Supplied entries below:

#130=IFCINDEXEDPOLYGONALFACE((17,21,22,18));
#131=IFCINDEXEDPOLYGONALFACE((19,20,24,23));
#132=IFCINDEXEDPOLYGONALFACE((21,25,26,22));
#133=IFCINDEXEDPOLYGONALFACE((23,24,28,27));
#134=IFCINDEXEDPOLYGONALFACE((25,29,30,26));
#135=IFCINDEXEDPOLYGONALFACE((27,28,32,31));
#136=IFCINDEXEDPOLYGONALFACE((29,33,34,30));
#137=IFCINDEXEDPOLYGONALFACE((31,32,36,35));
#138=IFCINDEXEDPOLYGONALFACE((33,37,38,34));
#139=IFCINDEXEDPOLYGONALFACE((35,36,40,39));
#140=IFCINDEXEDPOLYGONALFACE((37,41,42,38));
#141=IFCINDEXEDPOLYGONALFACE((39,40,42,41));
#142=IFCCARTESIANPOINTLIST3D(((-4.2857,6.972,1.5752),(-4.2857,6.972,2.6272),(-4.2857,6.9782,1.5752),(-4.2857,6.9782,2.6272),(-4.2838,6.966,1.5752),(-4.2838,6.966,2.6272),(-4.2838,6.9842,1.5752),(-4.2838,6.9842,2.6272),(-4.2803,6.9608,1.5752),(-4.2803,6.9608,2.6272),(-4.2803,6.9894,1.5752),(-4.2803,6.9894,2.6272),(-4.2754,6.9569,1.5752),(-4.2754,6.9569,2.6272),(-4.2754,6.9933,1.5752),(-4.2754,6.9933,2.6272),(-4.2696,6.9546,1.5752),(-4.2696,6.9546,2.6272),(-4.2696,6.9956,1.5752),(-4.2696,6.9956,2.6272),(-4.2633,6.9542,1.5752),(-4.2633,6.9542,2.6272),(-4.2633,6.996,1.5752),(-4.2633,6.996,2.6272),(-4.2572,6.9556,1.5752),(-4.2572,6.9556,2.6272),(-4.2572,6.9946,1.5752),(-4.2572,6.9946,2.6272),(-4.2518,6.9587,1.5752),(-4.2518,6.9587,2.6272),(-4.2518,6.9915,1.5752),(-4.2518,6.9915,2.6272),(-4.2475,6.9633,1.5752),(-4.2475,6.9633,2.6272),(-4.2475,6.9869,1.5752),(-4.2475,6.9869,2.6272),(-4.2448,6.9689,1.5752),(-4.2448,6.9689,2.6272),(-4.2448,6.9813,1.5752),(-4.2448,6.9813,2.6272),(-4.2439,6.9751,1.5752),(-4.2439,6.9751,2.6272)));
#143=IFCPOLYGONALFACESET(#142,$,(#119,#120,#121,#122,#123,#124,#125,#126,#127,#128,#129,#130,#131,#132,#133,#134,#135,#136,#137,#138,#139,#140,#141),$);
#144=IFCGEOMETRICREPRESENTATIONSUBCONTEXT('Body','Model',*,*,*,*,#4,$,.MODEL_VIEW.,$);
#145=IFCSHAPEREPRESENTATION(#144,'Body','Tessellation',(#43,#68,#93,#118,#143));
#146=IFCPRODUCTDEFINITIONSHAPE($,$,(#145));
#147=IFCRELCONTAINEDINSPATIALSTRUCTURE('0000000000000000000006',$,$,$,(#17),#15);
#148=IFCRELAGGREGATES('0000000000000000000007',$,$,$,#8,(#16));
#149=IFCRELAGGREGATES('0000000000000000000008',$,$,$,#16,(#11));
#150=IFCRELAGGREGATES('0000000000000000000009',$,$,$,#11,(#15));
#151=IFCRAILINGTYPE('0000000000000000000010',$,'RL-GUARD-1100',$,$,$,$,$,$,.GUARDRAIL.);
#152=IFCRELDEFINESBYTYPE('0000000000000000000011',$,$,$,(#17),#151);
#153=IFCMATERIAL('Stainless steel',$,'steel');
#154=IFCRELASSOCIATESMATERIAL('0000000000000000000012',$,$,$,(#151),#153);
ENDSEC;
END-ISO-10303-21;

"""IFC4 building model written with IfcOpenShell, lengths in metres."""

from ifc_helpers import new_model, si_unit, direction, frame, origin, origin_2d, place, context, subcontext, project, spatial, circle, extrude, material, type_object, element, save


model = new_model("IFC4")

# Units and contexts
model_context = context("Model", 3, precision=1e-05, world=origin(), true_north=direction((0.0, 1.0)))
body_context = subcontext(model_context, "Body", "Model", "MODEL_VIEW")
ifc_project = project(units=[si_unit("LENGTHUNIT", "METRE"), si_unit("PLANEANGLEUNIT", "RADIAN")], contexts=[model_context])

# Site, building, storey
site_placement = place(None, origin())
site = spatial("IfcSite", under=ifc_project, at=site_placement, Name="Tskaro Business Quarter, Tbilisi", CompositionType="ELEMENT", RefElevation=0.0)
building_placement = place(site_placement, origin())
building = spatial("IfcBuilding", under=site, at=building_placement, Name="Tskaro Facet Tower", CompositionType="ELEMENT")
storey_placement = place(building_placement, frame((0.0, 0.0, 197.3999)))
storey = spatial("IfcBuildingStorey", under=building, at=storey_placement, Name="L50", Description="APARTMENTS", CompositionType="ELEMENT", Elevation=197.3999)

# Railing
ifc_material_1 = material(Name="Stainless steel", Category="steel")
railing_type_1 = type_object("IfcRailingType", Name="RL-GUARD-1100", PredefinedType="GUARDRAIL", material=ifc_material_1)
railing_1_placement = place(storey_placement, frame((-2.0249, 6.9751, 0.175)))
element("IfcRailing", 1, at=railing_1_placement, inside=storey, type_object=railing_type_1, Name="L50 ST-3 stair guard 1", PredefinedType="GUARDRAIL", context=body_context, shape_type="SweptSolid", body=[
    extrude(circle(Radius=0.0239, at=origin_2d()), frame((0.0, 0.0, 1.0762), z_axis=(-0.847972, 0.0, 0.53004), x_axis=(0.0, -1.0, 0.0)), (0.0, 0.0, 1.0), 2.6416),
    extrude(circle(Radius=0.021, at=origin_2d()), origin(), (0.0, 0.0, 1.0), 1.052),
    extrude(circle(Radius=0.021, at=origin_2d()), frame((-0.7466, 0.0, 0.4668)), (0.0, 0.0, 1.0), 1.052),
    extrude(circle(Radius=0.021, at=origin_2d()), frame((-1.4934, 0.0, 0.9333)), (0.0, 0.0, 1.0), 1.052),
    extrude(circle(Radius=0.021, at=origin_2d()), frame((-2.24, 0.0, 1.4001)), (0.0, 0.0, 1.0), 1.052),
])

End of Supplied entries.

Instructions to follow:
Find each line holding the string "Stainless" in the listing above, then copy it.

Output:
#153=IFCMATERIAL('Stainless steel',$,'steel');
ifc_material_1 = material(Name="Stainless steel", Category="steel")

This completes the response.